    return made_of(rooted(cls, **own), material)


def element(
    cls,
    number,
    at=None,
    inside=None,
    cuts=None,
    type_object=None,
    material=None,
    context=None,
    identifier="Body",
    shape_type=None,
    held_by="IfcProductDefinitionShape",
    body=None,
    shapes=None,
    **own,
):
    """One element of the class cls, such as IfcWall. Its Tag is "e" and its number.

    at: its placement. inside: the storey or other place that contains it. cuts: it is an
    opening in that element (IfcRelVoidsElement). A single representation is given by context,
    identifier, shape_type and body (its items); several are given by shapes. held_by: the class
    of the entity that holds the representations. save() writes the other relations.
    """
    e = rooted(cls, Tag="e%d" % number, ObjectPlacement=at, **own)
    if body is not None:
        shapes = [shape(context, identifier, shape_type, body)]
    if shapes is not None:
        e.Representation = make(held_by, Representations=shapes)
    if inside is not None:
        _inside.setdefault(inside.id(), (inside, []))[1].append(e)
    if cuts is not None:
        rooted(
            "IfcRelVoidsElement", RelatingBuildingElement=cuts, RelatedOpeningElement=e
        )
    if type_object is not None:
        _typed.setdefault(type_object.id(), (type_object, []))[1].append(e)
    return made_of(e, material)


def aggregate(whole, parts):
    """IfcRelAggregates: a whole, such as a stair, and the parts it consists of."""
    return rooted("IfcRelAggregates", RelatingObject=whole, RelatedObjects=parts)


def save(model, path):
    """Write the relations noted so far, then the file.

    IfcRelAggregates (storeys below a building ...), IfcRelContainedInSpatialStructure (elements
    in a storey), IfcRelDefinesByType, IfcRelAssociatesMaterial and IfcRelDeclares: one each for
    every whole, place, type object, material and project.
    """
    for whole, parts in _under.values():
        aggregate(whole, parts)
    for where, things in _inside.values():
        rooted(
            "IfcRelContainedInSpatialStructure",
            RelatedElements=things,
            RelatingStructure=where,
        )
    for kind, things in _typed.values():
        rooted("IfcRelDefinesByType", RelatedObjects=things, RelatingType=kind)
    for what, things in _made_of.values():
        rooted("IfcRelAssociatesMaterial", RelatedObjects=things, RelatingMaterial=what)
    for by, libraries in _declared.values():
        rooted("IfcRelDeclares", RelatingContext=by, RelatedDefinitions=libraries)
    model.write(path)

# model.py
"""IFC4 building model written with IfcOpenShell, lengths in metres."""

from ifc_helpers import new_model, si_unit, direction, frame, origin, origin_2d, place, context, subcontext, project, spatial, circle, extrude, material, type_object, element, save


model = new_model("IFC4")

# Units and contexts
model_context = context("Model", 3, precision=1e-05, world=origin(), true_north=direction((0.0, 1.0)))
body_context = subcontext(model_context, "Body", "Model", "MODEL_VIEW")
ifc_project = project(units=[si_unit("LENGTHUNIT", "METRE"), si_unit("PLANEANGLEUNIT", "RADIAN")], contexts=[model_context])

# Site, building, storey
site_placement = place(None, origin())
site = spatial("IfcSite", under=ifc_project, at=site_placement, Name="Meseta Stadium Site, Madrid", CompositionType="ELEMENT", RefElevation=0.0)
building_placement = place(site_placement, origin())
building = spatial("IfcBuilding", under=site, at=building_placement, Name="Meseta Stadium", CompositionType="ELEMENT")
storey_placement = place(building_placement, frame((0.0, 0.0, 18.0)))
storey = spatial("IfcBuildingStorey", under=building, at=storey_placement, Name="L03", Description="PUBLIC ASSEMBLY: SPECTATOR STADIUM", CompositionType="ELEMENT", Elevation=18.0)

--*--

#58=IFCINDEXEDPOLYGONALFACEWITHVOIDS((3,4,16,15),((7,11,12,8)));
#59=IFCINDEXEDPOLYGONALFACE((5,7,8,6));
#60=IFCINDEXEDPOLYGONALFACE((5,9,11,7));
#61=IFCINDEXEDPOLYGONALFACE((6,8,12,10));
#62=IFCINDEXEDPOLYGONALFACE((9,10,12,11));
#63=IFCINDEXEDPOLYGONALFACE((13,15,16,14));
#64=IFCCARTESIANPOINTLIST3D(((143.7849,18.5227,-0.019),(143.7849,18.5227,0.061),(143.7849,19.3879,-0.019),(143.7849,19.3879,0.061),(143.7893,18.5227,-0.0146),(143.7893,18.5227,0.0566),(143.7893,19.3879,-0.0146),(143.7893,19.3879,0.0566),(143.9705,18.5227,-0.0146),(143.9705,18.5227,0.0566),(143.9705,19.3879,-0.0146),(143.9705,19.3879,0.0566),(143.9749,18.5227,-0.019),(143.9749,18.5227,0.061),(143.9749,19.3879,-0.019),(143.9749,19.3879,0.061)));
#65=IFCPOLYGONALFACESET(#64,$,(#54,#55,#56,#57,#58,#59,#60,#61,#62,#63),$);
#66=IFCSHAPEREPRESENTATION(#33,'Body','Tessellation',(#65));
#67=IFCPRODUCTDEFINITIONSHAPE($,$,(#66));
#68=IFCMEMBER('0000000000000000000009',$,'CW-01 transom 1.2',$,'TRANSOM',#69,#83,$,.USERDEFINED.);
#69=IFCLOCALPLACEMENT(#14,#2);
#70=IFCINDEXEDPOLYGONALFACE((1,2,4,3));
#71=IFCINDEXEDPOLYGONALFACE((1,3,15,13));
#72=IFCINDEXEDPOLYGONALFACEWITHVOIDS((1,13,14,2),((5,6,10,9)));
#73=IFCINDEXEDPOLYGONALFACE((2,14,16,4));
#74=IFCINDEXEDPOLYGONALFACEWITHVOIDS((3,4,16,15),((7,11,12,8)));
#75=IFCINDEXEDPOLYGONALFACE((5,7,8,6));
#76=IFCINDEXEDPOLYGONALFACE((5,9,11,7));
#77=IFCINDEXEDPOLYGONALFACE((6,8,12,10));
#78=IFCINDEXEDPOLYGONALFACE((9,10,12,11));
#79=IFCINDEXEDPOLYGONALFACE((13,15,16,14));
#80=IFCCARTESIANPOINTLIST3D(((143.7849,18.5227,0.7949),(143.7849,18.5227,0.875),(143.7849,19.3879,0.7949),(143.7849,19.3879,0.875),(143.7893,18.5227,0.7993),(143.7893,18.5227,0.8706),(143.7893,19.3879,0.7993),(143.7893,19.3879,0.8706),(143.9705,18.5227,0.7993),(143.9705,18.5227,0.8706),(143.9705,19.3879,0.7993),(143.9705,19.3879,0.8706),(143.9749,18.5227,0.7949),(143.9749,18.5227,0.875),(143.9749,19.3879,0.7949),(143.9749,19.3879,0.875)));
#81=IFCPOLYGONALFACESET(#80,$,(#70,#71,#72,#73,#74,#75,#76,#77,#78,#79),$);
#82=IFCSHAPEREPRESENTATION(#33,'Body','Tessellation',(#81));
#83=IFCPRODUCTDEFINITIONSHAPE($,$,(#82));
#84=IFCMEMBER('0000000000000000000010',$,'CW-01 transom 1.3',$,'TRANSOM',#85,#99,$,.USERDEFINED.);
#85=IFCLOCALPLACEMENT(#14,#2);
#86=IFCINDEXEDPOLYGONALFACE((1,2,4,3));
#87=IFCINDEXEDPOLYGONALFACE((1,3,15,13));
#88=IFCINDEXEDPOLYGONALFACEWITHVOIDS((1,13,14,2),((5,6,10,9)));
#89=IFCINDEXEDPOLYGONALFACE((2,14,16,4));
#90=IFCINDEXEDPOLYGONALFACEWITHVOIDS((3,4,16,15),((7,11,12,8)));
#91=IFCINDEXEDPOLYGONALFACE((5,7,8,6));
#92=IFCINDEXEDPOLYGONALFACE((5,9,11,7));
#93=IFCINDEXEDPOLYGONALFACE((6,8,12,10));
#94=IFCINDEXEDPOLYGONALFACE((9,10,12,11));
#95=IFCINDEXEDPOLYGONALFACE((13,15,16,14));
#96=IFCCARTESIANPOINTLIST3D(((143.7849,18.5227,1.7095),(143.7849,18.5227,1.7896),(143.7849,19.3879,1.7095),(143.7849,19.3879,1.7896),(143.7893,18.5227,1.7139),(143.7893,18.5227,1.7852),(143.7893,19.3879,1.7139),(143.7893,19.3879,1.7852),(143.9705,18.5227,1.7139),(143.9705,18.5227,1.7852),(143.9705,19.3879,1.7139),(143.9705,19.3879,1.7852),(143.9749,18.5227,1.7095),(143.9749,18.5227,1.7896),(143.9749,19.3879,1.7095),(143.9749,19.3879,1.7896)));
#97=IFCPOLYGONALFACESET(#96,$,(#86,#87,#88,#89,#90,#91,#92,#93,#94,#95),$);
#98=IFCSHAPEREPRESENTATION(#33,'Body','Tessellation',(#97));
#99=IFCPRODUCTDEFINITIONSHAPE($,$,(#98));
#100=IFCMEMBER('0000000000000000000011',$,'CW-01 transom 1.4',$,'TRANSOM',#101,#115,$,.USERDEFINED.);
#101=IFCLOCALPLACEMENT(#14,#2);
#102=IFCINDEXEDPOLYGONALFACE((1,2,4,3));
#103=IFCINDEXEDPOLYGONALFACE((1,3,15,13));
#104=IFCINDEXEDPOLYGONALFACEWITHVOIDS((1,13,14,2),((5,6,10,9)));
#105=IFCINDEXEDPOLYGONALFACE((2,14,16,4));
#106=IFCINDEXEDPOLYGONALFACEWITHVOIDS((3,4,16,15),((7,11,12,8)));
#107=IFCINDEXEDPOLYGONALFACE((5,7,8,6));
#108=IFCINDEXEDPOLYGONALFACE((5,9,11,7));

--*--

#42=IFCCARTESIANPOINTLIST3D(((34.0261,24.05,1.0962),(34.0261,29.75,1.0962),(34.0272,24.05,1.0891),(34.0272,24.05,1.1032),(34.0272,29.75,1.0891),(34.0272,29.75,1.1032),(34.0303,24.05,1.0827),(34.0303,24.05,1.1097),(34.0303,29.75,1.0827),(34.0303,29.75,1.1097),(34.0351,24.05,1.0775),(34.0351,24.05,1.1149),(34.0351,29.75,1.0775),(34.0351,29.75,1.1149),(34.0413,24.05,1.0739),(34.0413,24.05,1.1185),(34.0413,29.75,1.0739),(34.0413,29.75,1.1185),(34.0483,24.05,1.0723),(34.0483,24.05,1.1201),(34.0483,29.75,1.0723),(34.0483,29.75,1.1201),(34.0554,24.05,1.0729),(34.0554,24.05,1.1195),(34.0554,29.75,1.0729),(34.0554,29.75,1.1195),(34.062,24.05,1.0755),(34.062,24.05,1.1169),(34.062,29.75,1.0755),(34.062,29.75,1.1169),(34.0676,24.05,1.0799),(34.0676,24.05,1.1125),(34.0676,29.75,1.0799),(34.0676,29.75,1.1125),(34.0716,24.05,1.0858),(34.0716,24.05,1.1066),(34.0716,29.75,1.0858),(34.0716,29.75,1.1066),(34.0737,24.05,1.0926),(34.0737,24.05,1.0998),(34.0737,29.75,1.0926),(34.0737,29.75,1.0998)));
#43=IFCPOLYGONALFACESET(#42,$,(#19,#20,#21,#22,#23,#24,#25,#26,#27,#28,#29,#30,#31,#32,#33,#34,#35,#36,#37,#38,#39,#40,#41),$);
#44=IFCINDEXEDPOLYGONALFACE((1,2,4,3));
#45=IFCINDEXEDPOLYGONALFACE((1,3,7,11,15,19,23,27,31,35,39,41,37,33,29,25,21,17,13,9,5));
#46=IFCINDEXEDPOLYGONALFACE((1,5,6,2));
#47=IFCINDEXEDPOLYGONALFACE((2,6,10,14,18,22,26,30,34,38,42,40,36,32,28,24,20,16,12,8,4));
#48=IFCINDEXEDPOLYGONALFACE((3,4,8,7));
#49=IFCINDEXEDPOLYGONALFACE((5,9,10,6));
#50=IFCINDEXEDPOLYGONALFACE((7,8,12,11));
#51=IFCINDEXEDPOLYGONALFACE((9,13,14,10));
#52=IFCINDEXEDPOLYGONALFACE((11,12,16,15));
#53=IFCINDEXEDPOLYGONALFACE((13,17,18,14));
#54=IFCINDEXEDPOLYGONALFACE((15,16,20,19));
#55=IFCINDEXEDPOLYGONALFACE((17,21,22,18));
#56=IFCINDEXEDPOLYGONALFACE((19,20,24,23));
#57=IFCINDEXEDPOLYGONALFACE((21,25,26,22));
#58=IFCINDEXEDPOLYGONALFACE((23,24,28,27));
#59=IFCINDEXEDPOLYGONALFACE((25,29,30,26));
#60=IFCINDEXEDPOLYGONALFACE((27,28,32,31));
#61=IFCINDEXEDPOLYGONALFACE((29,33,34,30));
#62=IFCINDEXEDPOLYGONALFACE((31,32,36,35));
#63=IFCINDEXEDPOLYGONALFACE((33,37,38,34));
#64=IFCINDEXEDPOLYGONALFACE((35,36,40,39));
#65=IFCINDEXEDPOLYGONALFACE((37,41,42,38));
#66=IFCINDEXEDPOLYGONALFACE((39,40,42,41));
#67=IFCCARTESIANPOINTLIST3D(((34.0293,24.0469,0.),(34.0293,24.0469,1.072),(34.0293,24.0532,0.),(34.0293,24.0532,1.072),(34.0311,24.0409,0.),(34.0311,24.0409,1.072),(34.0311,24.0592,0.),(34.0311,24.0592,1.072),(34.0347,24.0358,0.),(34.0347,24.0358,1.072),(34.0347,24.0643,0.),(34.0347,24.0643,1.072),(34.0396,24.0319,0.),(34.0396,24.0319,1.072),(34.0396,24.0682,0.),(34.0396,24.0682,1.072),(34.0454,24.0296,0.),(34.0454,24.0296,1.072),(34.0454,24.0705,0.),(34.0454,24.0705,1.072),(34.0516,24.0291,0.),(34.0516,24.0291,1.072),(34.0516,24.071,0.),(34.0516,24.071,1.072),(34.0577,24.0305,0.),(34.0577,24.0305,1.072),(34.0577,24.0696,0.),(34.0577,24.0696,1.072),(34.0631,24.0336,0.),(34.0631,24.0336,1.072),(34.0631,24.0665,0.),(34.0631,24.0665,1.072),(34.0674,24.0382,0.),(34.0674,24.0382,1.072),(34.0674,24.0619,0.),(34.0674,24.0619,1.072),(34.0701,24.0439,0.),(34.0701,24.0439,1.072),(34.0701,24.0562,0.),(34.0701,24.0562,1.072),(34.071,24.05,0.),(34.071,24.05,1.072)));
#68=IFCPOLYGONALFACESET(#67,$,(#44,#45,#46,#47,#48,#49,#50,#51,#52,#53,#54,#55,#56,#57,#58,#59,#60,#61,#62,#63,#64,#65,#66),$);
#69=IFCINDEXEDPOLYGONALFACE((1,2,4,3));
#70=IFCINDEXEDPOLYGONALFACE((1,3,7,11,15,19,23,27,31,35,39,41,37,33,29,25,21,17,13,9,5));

--*--

_Work instructions_: The lines to copy are those in the listing that contain the word "save".

_Solution to this problem_:
    of the entity that holds the representations. save() writes the other relations.
def save(model, path):
from ifc_helpers import new_model, si_unit, direction, frame, origin, origin_2d, place, context, subcontext, project, spatial, circle, extrude, material, type_object, element, save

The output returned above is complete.